# [Exercise]
Copy each line below in which the string "IFCRELAGGREGATES" appears.

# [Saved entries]

=-=-=-=-=

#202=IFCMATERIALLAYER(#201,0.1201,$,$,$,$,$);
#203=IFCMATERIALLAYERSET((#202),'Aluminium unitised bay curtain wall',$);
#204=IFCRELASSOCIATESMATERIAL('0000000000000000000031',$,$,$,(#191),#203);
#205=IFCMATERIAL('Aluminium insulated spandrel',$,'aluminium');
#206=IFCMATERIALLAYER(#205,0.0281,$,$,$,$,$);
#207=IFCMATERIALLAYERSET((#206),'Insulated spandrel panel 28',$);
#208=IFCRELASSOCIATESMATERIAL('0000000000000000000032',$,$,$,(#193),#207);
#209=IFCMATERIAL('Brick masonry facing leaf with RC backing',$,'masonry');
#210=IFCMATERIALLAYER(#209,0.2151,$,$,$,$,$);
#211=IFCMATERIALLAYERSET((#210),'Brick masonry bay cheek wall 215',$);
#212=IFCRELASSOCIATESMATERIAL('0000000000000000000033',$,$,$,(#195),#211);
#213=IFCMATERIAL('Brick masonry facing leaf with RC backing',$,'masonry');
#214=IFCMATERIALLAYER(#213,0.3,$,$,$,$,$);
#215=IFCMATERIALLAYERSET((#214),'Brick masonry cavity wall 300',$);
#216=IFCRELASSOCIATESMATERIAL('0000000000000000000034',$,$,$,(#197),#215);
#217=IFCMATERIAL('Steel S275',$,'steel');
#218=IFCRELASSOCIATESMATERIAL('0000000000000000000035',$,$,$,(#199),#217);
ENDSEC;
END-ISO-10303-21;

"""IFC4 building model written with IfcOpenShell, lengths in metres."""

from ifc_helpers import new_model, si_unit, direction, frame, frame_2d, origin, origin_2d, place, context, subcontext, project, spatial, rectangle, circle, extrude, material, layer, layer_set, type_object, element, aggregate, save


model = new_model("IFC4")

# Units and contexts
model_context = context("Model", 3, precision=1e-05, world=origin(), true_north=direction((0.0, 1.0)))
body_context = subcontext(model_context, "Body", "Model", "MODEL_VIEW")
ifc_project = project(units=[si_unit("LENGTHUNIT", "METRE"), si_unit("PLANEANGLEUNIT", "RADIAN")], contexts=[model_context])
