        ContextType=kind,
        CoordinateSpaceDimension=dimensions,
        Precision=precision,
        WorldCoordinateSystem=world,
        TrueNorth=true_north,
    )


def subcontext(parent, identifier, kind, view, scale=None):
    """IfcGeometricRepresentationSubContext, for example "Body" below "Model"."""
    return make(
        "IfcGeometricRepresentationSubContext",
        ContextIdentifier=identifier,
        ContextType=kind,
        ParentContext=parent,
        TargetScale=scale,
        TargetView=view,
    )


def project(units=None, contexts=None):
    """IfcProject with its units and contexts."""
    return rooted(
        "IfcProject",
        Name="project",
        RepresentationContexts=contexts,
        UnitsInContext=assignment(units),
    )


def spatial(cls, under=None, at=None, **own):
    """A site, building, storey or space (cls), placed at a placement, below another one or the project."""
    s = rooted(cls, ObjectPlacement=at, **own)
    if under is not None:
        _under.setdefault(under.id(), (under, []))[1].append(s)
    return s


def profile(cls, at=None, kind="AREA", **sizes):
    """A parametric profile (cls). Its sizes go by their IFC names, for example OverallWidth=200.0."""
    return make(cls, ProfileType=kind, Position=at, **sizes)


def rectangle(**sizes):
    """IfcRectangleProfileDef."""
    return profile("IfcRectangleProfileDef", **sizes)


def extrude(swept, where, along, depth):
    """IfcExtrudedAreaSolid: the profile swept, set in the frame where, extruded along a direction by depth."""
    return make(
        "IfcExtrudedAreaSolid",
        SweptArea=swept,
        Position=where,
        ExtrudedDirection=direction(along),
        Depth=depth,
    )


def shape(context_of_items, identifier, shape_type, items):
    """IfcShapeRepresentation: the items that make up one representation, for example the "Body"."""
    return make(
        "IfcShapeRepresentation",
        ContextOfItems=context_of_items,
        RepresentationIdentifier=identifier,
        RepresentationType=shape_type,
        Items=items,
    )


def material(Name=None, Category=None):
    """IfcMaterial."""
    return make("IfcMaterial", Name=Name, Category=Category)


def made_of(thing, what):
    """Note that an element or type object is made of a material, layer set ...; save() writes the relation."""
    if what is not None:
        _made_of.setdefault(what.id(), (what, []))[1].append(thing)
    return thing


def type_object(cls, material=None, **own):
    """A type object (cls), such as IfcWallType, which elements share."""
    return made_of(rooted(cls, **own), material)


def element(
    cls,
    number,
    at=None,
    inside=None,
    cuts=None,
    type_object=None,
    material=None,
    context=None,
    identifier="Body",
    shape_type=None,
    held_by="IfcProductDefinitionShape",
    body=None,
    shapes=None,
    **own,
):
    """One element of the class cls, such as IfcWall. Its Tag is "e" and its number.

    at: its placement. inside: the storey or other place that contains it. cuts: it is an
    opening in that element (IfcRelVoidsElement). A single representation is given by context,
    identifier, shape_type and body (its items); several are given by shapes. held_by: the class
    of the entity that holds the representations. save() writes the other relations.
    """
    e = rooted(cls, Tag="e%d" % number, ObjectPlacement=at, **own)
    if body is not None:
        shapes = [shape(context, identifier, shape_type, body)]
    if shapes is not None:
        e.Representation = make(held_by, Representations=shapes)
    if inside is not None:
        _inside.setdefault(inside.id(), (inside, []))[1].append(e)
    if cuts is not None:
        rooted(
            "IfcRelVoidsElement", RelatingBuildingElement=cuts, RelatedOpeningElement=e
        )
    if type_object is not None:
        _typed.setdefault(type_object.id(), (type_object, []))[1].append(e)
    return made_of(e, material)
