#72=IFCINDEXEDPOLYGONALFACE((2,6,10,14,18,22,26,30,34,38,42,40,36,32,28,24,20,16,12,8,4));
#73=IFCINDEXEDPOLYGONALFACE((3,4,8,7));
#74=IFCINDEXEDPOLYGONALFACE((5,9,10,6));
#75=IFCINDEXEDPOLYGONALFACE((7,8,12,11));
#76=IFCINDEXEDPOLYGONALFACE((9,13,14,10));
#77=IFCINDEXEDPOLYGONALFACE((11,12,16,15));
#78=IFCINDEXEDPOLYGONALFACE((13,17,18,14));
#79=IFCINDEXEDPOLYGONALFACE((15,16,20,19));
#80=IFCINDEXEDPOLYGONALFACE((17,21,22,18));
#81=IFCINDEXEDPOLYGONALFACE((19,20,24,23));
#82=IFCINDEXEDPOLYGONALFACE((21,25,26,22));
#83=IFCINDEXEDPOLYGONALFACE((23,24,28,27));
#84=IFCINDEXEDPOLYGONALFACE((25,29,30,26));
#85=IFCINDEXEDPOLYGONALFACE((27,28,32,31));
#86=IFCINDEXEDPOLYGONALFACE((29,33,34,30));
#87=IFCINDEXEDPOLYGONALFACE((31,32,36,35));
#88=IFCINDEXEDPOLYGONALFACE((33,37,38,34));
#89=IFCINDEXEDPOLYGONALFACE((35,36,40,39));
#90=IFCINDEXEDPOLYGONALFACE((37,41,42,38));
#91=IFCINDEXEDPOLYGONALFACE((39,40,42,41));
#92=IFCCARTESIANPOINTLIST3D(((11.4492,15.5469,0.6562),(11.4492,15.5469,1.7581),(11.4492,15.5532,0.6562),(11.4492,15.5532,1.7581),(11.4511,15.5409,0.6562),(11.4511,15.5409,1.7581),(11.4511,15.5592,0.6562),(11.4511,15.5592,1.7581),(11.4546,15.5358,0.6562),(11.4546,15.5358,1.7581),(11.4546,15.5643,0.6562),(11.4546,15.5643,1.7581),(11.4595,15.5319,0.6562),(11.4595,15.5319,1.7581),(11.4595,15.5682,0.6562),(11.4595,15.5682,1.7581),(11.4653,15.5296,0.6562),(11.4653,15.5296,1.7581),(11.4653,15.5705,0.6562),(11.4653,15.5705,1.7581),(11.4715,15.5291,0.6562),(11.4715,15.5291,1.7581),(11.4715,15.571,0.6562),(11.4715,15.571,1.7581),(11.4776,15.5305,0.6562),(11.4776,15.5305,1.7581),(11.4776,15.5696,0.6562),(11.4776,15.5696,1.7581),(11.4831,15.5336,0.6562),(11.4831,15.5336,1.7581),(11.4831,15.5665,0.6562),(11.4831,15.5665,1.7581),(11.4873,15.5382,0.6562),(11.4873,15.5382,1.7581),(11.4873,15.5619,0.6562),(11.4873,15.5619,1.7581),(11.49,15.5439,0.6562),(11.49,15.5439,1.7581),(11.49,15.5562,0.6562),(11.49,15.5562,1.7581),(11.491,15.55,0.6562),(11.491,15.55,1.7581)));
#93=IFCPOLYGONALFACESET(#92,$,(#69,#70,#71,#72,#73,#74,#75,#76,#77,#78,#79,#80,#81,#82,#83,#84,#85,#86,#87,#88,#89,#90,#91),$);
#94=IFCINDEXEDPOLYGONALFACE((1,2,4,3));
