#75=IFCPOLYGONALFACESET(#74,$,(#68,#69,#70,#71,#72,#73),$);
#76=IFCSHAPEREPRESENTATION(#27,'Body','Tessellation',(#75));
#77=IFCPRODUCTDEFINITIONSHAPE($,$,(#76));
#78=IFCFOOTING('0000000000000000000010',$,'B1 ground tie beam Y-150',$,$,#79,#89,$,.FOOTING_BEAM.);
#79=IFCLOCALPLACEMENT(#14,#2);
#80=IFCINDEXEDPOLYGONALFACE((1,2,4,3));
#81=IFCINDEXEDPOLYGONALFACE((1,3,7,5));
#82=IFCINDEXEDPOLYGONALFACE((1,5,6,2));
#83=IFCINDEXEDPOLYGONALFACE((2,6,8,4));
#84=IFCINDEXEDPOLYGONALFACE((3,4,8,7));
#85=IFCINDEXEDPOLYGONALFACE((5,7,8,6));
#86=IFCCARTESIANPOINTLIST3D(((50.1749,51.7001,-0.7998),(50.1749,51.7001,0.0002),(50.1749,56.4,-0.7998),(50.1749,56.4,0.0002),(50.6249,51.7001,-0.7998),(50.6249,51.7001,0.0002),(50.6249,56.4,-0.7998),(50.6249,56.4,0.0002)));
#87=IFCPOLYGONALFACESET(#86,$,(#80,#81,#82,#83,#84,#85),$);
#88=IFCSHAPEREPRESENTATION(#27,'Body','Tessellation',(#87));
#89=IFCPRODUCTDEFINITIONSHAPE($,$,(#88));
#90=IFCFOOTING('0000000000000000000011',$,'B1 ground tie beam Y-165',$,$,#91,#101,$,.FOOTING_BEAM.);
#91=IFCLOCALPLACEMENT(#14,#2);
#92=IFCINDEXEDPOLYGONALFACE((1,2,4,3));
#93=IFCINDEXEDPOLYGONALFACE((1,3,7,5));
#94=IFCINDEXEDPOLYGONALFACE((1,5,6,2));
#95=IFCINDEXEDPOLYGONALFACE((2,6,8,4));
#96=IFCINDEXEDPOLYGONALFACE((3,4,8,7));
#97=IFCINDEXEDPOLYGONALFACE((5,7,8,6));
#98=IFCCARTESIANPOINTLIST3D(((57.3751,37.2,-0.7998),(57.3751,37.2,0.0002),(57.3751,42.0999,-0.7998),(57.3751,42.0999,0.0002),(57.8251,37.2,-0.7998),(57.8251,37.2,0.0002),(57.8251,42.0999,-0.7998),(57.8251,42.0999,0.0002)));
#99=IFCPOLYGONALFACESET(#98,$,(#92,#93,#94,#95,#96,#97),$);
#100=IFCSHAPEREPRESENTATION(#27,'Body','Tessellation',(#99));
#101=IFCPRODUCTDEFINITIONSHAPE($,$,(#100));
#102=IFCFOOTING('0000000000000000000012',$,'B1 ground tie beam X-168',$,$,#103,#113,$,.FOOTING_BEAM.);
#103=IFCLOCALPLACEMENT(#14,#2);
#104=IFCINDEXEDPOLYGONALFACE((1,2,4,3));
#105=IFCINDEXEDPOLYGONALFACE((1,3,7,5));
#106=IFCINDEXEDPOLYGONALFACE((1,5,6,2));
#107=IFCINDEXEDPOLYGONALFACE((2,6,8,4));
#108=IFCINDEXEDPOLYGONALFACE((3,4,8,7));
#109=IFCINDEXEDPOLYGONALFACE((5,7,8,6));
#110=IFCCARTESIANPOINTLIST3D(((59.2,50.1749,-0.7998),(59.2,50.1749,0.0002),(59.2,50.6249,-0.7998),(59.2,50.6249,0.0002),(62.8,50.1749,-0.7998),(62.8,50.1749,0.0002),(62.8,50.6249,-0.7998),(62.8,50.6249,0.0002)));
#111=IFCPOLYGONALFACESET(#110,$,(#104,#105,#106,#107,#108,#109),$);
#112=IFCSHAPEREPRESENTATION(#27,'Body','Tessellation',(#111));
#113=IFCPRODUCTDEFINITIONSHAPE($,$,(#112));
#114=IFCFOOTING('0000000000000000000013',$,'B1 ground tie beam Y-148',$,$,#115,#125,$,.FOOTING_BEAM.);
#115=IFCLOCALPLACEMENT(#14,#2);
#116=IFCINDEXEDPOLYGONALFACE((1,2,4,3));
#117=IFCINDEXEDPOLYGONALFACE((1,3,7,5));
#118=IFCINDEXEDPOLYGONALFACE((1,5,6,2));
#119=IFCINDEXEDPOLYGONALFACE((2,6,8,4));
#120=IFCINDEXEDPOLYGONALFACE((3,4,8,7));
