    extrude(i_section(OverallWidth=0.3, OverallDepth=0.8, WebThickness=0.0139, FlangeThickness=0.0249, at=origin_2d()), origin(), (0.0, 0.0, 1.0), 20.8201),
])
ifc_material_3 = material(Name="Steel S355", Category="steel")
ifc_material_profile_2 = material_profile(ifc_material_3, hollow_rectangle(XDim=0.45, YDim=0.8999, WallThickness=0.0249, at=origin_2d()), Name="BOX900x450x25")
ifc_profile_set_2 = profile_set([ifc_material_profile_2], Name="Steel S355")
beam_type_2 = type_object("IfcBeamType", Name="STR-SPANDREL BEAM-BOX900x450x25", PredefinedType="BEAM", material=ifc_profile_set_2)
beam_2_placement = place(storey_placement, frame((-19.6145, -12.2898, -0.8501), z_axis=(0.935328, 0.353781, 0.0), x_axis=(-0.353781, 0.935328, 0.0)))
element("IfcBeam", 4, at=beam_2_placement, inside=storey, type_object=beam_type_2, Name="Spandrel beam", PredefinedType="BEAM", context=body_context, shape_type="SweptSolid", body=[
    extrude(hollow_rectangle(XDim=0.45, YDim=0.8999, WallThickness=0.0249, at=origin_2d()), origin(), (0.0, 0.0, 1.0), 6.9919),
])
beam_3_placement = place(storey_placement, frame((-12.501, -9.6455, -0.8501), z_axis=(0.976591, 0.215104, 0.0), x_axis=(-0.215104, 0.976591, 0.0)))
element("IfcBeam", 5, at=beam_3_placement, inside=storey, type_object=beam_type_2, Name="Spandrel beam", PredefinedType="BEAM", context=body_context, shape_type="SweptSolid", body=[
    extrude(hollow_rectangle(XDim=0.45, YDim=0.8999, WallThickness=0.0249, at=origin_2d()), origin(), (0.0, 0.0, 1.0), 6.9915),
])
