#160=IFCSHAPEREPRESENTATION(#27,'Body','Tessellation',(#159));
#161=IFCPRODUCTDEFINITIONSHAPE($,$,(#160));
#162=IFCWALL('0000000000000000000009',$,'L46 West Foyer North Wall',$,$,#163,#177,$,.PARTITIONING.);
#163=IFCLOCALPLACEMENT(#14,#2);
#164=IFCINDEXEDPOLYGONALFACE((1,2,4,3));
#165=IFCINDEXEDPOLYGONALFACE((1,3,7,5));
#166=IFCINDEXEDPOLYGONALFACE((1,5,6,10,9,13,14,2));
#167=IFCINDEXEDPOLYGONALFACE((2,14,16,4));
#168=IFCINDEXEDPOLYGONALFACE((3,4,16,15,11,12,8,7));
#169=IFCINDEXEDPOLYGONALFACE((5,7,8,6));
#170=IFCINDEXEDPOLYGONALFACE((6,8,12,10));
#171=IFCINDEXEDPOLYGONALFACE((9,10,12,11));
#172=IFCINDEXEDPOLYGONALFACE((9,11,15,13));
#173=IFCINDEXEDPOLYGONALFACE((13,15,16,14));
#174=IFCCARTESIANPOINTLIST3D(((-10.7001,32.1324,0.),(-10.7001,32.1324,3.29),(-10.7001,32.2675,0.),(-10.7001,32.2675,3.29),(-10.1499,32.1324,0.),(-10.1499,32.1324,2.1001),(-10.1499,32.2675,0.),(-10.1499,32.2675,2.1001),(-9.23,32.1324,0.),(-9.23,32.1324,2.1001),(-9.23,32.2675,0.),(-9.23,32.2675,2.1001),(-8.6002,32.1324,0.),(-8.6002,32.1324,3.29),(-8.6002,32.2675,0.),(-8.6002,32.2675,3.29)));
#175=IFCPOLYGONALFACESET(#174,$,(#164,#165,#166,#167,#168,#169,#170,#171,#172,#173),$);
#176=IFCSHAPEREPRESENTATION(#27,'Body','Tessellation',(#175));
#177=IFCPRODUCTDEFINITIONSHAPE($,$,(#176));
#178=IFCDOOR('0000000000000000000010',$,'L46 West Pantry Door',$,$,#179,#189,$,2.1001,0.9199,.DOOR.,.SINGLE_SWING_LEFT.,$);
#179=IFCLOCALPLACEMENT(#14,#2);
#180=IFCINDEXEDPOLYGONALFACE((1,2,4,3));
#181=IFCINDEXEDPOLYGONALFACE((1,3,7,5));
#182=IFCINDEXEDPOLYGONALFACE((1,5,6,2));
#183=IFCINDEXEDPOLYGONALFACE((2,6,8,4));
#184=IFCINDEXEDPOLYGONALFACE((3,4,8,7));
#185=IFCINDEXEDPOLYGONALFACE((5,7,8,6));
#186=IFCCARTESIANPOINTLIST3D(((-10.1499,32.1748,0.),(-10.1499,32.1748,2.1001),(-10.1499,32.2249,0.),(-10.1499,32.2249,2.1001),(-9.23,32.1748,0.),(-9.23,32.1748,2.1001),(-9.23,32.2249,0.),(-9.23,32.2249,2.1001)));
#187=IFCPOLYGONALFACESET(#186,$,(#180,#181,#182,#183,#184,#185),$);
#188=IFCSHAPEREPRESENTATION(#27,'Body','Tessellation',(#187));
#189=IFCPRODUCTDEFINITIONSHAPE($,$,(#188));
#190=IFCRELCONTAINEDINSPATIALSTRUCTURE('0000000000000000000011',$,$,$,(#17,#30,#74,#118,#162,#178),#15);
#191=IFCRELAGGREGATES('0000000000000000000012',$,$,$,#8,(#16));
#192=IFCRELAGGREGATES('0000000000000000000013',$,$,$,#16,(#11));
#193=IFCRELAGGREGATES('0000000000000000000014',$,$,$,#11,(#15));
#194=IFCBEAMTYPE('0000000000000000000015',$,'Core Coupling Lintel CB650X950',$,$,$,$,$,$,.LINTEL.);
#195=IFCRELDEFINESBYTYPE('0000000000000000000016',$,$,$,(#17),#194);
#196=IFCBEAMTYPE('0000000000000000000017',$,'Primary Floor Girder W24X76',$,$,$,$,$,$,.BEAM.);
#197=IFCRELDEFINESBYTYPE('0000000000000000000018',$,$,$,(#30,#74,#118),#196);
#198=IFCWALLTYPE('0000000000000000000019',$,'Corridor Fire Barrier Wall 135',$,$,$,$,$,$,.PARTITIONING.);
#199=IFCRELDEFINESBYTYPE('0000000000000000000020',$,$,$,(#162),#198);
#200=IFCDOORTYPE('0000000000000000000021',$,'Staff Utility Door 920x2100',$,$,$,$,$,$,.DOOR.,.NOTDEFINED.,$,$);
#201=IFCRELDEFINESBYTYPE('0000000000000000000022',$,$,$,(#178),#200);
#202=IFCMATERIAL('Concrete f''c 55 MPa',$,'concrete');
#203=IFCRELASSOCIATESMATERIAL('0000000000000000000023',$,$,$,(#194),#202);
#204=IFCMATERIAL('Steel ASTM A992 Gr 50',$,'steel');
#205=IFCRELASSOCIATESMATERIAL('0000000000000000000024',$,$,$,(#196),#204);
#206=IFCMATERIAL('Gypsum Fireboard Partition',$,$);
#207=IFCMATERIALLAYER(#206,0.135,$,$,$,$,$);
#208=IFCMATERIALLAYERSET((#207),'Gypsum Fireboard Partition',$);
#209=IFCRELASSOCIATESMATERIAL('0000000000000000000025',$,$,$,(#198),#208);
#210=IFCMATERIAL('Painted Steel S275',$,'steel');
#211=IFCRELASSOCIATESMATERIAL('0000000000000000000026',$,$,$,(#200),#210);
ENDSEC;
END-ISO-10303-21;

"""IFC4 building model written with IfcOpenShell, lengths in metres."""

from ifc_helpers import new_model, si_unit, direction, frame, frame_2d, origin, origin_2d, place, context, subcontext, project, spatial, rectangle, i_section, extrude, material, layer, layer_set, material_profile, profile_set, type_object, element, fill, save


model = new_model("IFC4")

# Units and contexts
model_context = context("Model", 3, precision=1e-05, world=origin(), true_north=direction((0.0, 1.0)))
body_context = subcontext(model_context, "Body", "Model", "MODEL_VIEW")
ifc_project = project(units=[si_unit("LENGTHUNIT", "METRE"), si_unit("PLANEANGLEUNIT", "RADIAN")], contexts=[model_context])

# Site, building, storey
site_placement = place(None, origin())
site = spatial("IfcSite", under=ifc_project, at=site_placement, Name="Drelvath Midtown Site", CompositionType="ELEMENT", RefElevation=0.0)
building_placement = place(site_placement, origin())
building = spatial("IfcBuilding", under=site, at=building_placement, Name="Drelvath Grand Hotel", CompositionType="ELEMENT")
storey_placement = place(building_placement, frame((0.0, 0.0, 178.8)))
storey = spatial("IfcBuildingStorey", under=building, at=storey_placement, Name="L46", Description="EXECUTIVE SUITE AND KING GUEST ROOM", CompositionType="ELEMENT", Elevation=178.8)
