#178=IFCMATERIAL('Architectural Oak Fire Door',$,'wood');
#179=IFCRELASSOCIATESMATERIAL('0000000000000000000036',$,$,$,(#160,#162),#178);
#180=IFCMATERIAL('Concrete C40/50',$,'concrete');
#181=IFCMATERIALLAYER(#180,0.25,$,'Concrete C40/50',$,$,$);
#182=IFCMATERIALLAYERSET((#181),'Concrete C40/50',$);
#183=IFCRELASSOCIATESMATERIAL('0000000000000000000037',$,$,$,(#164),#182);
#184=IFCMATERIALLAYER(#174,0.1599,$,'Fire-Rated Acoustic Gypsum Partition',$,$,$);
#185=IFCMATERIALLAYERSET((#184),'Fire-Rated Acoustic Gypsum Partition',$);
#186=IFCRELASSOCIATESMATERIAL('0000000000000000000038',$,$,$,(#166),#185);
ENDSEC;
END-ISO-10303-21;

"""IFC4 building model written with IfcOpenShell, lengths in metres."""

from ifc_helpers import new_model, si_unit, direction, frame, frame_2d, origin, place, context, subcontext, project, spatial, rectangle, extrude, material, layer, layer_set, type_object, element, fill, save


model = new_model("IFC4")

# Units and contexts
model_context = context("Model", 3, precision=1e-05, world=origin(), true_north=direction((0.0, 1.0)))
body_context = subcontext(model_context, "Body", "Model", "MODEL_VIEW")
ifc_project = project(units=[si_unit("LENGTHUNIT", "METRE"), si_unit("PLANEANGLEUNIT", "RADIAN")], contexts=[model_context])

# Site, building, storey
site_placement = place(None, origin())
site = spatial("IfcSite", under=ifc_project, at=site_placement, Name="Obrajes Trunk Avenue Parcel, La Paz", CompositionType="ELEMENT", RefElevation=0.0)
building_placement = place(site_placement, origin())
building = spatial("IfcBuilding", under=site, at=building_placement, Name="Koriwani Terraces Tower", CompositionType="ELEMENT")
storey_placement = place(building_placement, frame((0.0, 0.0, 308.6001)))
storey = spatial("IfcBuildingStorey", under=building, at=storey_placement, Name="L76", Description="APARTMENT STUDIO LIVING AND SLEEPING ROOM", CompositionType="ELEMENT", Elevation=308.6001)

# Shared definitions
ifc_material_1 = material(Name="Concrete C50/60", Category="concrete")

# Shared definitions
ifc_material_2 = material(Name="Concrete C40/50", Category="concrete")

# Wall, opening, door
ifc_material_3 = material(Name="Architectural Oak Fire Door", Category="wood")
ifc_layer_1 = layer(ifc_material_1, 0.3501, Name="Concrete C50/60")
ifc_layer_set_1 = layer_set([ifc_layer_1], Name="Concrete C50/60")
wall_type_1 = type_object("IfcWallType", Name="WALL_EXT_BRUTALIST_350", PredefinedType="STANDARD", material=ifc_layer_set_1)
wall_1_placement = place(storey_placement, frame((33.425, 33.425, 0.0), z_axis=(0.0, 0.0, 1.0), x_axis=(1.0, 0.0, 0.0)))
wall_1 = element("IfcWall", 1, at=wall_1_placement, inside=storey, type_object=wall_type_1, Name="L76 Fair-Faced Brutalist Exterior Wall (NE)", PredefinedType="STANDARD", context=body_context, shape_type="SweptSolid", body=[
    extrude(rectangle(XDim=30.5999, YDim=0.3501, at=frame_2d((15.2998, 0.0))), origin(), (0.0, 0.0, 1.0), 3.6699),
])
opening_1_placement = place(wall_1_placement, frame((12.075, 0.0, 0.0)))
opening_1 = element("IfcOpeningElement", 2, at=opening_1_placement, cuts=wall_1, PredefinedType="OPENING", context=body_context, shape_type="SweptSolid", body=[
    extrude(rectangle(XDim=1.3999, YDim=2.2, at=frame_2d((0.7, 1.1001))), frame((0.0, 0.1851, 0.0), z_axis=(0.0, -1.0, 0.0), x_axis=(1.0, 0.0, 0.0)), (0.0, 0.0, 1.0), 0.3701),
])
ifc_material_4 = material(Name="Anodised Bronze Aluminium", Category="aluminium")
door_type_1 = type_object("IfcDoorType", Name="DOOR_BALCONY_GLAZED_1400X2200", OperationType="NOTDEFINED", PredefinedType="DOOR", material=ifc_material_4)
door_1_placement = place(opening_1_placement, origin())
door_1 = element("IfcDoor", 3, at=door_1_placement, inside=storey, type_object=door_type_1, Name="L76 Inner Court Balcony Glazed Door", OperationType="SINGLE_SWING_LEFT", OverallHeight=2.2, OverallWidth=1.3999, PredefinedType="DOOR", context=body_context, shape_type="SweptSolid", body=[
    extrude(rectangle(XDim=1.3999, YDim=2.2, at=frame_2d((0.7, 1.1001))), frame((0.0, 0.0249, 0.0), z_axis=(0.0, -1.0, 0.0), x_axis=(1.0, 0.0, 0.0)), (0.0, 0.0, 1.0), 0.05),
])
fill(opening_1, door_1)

=-=-=-=-=

# [Task result]
#191=IFCRELAGGREGATES('0000000000000000000012',$,$,$,#8,(#16));
#192=IFCRELAGGREGATES('0000000000000000000013',$,$,$,#16,(#11));
#193=IFCRELAGGREGATES('0000000000000000000014',$,$,$,#11,(#15));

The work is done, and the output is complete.